◆ **Goal of the exercise**
Starting at the line that has "#17=IFCWALL('0000000000000000000005',$,'Interior Partition Wall" and stopping after the line that has "#30=IFCINDEXEDPOLYGONALFACE((9,21,22,10));", reproduce the listing below exactly; omit everything else.

◆ **Data supplied**
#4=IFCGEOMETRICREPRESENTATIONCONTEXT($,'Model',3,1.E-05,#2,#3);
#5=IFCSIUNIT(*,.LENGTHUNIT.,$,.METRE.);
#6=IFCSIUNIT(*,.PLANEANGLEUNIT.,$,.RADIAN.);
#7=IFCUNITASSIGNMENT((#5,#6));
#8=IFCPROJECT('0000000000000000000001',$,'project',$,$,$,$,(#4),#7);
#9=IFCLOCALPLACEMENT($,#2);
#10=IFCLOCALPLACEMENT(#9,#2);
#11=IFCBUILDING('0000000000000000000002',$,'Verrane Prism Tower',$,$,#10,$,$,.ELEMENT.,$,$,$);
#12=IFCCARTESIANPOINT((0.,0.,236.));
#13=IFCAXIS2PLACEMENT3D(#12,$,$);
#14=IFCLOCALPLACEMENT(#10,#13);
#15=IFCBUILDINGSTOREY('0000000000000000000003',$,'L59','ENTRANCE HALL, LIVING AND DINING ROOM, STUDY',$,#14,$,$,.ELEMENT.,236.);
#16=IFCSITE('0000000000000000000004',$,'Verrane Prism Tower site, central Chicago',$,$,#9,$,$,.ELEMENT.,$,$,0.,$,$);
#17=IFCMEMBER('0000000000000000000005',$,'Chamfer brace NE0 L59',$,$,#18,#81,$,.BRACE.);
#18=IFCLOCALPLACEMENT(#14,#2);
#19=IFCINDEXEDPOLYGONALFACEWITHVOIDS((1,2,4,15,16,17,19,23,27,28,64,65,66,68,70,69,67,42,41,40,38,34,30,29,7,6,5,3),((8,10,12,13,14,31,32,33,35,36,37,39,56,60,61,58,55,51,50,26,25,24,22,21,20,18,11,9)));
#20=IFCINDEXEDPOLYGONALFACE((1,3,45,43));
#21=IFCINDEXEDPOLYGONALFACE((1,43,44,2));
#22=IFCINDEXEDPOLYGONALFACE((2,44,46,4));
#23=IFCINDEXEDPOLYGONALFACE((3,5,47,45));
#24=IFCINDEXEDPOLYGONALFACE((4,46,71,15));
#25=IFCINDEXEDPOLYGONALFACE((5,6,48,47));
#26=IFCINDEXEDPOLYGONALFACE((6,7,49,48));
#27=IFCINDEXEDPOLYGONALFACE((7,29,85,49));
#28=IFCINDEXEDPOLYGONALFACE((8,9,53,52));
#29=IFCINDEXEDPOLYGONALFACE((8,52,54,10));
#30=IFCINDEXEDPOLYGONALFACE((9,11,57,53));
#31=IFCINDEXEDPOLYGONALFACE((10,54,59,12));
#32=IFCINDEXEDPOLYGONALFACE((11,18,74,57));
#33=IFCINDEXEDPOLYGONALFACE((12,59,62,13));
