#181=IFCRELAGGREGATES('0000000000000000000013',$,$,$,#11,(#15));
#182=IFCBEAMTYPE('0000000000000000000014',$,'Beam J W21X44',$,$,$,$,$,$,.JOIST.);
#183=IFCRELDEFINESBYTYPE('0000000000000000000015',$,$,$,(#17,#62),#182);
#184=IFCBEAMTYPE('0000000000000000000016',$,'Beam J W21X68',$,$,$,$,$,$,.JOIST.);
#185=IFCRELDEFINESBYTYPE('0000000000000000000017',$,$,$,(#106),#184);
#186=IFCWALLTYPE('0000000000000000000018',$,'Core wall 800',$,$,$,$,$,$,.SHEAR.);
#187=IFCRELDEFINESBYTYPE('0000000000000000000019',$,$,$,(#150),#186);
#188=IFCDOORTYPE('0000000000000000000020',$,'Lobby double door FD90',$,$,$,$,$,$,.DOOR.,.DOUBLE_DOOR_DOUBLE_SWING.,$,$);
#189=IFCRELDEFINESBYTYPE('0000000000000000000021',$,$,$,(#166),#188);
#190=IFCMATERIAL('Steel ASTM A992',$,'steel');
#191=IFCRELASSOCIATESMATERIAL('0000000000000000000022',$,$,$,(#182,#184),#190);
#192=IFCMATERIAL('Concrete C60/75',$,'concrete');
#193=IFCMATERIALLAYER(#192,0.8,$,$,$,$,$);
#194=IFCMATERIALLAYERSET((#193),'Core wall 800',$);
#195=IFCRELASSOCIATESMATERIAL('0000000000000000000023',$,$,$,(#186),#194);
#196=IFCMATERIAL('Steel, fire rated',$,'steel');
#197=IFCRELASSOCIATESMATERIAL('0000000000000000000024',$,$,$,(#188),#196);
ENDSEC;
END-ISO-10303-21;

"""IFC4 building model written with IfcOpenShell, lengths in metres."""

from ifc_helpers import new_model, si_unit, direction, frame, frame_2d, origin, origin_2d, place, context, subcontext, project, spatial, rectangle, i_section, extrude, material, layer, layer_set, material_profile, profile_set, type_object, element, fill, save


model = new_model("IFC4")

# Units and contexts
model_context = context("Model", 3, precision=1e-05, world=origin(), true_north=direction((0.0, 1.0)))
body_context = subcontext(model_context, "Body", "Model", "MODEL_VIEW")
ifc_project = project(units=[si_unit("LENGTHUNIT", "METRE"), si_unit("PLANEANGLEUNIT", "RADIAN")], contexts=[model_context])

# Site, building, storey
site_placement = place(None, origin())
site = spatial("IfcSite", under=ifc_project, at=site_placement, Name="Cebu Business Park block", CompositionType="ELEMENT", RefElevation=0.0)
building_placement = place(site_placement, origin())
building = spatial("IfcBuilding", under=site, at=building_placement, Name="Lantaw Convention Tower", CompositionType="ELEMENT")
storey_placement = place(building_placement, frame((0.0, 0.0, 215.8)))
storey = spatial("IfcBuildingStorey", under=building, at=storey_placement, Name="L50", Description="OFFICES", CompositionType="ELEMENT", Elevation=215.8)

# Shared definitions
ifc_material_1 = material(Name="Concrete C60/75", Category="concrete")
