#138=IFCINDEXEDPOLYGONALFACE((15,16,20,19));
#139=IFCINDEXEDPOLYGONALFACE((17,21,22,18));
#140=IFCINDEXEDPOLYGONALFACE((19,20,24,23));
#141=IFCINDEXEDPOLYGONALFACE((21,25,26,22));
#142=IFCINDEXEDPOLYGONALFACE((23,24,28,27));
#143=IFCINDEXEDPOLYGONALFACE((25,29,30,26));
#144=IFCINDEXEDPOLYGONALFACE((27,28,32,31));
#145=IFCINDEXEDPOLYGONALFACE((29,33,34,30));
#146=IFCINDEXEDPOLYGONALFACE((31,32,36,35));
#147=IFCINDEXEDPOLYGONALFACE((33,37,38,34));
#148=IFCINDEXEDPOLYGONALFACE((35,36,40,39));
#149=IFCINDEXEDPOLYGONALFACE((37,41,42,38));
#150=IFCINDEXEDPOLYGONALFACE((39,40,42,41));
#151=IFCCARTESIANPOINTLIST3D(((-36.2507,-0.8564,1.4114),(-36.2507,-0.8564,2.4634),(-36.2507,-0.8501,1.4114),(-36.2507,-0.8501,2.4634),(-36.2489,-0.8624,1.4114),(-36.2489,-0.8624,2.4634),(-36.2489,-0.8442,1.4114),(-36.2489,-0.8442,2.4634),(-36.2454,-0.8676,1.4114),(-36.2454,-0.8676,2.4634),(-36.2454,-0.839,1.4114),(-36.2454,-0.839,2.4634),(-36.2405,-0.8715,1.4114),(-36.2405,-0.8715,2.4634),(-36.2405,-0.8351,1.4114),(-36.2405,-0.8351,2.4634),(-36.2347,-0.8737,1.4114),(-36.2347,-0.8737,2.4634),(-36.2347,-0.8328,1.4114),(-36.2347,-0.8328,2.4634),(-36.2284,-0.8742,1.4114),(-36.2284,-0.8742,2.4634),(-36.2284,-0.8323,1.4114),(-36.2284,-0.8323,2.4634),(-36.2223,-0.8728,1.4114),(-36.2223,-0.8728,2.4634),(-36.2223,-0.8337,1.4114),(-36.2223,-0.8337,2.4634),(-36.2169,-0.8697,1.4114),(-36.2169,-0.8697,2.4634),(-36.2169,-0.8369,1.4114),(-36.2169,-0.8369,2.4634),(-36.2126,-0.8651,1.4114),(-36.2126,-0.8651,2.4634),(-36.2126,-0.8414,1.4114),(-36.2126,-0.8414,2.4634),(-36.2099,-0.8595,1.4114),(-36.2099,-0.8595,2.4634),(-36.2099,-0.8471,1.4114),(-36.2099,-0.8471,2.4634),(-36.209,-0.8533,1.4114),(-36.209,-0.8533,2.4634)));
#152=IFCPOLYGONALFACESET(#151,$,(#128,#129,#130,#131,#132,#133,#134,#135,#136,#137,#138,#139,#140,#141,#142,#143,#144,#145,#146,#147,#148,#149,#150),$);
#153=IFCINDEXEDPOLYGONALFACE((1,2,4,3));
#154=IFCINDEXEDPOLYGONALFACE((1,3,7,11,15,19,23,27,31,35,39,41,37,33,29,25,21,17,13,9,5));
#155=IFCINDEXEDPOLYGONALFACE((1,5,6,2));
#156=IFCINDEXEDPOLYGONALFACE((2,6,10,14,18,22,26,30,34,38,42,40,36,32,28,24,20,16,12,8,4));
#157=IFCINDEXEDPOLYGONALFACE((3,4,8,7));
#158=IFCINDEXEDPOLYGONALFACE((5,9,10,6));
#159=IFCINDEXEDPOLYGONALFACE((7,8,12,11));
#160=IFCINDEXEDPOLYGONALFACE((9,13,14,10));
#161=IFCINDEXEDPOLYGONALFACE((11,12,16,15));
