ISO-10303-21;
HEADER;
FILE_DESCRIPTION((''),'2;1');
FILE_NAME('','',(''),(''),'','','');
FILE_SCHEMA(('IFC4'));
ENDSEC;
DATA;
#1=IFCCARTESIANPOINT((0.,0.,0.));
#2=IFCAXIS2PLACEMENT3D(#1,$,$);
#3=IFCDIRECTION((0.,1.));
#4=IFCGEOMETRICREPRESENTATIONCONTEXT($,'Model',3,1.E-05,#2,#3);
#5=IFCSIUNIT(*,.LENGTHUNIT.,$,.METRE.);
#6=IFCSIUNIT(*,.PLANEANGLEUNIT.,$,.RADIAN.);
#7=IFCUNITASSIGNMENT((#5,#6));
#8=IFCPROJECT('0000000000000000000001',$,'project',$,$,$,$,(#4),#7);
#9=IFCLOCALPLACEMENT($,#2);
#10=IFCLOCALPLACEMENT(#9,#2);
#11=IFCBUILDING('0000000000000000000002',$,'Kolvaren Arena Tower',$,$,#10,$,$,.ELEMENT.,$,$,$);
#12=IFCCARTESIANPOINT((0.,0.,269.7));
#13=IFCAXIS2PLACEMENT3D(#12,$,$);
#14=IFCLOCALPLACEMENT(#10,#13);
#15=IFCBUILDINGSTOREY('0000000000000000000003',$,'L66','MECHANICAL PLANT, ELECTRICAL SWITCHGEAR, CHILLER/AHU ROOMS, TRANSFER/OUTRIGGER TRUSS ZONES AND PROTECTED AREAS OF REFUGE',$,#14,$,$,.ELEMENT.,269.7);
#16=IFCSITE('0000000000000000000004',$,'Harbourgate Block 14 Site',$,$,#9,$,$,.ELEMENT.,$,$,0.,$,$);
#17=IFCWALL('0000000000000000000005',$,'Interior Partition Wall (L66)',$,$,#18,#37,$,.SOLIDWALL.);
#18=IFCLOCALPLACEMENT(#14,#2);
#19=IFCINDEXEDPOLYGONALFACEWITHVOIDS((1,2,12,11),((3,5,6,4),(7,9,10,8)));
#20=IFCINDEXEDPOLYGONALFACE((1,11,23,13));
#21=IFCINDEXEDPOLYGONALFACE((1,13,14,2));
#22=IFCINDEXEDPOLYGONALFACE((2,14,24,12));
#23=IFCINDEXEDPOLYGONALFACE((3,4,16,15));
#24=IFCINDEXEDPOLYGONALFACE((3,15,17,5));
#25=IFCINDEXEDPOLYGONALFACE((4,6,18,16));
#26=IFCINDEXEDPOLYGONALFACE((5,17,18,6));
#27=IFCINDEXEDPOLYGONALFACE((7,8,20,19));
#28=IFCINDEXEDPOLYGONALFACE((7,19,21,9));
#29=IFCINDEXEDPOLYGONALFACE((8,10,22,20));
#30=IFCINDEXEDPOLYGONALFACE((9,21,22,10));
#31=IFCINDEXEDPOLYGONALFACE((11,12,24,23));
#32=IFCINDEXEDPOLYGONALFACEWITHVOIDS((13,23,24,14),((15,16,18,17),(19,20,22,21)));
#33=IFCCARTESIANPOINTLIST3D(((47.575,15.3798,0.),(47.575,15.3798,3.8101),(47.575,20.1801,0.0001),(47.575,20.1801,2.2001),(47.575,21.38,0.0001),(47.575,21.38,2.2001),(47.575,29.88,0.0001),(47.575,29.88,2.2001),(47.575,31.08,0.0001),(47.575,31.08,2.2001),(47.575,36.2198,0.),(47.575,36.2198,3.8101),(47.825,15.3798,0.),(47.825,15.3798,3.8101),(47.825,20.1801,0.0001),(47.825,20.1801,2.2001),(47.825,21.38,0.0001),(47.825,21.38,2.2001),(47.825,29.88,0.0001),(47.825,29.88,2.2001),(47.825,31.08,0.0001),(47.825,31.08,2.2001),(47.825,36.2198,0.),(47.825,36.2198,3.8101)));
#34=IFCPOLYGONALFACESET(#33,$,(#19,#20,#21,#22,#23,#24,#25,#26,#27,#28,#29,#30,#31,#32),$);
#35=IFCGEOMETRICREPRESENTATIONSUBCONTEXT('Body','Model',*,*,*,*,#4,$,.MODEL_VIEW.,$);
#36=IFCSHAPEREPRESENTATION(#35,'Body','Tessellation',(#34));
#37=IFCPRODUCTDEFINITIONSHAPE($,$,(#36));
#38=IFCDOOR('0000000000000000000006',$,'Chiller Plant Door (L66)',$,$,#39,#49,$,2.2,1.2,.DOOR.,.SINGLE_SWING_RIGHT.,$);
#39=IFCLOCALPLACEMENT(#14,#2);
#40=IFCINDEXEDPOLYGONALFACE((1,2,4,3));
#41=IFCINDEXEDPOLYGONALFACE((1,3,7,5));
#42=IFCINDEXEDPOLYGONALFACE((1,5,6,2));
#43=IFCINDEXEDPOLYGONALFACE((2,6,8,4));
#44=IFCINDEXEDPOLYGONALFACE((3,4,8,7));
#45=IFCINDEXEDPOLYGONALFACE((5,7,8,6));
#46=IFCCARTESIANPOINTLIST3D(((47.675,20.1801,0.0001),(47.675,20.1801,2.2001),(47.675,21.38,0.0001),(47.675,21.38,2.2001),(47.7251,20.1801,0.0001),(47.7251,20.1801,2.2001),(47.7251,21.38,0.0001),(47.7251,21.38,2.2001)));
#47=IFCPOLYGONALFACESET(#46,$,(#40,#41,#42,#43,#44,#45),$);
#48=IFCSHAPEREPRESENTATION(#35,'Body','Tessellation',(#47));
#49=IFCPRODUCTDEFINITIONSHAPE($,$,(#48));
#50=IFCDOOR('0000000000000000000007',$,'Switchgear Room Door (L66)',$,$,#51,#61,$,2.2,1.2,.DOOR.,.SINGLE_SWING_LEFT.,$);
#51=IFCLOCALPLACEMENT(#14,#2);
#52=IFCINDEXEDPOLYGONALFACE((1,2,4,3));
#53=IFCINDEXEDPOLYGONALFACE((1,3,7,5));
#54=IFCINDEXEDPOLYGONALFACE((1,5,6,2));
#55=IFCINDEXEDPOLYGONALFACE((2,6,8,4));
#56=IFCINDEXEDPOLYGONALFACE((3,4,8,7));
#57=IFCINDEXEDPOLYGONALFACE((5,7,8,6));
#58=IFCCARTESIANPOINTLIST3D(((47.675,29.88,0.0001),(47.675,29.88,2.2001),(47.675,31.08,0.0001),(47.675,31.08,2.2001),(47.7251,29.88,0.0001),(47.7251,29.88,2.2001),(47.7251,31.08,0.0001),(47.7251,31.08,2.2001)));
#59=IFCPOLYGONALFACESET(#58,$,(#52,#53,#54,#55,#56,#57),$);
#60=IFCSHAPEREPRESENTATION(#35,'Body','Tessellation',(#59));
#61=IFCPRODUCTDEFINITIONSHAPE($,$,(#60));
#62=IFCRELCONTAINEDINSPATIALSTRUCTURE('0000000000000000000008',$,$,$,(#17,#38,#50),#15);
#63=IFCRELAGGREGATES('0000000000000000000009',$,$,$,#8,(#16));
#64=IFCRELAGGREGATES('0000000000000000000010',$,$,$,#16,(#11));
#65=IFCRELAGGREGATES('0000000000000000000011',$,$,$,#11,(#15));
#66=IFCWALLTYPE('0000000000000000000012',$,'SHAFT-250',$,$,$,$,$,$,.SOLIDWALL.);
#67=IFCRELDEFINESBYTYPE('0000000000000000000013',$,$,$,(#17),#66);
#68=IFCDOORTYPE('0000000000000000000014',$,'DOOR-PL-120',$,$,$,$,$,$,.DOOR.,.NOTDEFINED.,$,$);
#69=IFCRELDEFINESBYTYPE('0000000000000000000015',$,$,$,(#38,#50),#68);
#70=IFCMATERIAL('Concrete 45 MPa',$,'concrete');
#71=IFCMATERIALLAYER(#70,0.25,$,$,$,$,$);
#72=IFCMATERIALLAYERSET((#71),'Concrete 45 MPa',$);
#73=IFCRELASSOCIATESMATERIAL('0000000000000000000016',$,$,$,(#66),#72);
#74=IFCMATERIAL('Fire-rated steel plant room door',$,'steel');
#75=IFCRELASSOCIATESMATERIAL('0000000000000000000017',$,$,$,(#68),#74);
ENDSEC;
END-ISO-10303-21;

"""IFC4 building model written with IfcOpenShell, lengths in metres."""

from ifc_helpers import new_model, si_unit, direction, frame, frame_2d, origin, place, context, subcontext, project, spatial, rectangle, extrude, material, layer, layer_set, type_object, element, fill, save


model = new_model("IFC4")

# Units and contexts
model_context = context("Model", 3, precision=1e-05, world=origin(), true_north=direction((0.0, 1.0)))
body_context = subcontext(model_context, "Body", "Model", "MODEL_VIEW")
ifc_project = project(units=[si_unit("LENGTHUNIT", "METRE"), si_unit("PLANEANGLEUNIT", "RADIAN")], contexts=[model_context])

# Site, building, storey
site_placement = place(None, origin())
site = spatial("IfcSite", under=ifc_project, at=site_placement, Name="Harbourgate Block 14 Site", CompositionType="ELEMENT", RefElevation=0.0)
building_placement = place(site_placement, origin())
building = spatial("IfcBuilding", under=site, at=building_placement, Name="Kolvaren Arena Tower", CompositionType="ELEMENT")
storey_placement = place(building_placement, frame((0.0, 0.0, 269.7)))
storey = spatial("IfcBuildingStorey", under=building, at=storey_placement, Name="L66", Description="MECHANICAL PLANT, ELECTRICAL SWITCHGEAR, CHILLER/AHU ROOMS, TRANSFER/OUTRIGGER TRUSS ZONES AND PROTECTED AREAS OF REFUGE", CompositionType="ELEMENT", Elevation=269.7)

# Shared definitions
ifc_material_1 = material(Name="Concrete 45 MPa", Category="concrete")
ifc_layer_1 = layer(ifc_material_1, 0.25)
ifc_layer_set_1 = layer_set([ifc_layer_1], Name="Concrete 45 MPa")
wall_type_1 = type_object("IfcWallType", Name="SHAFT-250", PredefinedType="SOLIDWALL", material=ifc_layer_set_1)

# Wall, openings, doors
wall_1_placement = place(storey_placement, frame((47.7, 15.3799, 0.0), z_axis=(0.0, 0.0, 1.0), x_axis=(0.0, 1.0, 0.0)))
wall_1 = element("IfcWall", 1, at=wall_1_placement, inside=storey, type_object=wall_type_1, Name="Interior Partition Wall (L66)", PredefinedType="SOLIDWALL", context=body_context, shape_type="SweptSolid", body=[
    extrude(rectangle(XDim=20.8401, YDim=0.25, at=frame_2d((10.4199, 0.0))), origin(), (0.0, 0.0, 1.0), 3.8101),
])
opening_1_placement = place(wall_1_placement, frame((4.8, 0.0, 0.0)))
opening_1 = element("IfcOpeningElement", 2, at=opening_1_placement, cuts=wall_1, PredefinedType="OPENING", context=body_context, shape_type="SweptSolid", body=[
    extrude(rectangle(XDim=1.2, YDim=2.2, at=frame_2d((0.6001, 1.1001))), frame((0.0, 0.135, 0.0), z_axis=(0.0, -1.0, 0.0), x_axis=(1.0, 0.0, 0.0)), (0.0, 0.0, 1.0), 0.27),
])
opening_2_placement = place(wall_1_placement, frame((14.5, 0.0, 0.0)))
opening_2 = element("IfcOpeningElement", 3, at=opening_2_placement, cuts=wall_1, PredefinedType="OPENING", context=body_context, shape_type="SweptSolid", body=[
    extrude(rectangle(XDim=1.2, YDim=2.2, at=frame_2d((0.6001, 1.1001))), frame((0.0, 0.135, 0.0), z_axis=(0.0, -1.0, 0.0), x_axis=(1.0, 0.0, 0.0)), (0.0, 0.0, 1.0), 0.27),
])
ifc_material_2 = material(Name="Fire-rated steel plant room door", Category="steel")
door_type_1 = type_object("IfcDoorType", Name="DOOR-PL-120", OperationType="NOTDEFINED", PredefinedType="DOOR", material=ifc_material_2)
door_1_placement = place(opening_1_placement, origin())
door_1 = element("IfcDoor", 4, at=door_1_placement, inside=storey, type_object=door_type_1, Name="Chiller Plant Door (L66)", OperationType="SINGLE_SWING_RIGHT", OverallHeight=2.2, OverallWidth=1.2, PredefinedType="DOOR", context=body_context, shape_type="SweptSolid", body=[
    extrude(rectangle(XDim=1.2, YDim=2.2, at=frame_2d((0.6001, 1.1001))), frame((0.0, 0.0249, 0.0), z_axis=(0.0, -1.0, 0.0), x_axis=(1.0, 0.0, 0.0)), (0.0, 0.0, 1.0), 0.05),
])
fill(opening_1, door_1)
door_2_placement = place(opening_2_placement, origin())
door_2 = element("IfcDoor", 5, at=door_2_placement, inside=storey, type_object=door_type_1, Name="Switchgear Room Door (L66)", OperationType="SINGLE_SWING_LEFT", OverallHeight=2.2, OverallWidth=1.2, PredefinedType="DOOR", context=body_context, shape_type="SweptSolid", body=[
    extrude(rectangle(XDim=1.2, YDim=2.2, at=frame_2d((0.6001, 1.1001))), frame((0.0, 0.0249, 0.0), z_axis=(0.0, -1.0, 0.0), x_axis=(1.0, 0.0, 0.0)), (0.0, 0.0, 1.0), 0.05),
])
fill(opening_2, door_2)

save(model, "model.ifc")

◆ **Task solution**
#17=IFCWALL('0000000000000000000005',$,'Interior Partition Wall (L66)',$,$,#18,#37,$,.SOLIDWALL.);
#18=IFCLOCALPLACEMENT(#14,#2);
#19=IFCINDEXEDPOLYGONALFACEWITHVOIDS((1,2,12,11),((3,5,6,4),(7,9,10,8)));
#20=IFCINDEXEDPOLYGONALFACE((1,11,23,13));
#21=IFCINDEXEDPOLYGONALFACE((1,13,14,2));
#22=IFCINDEXEDPOLYGONALFACE((2,14,24,12));
#23=IFCINDEXEDPOLYGONALFACE((3,4,16,15));
#24=IFCINDEXEDPOLYGONALFACE((3,15,17,5));
#25=IFCINDEXEDPOLYGONALFACE((4,6,18,16));
#26=IFCINDEXEDPOLYGONALFACE((5,17,18,6));
#27=IFCINDEXEDPOLYGONALFACE((7,8,20,19));
#28=IFCINDEXEDPOLYGONALFACE((7,19,21,9));
#29=IFCINDEXEDPOLYGONALFACE((8,10,22,20));
#30=IFCINDEXEDPOLYGONALFACE((9,21,22,10));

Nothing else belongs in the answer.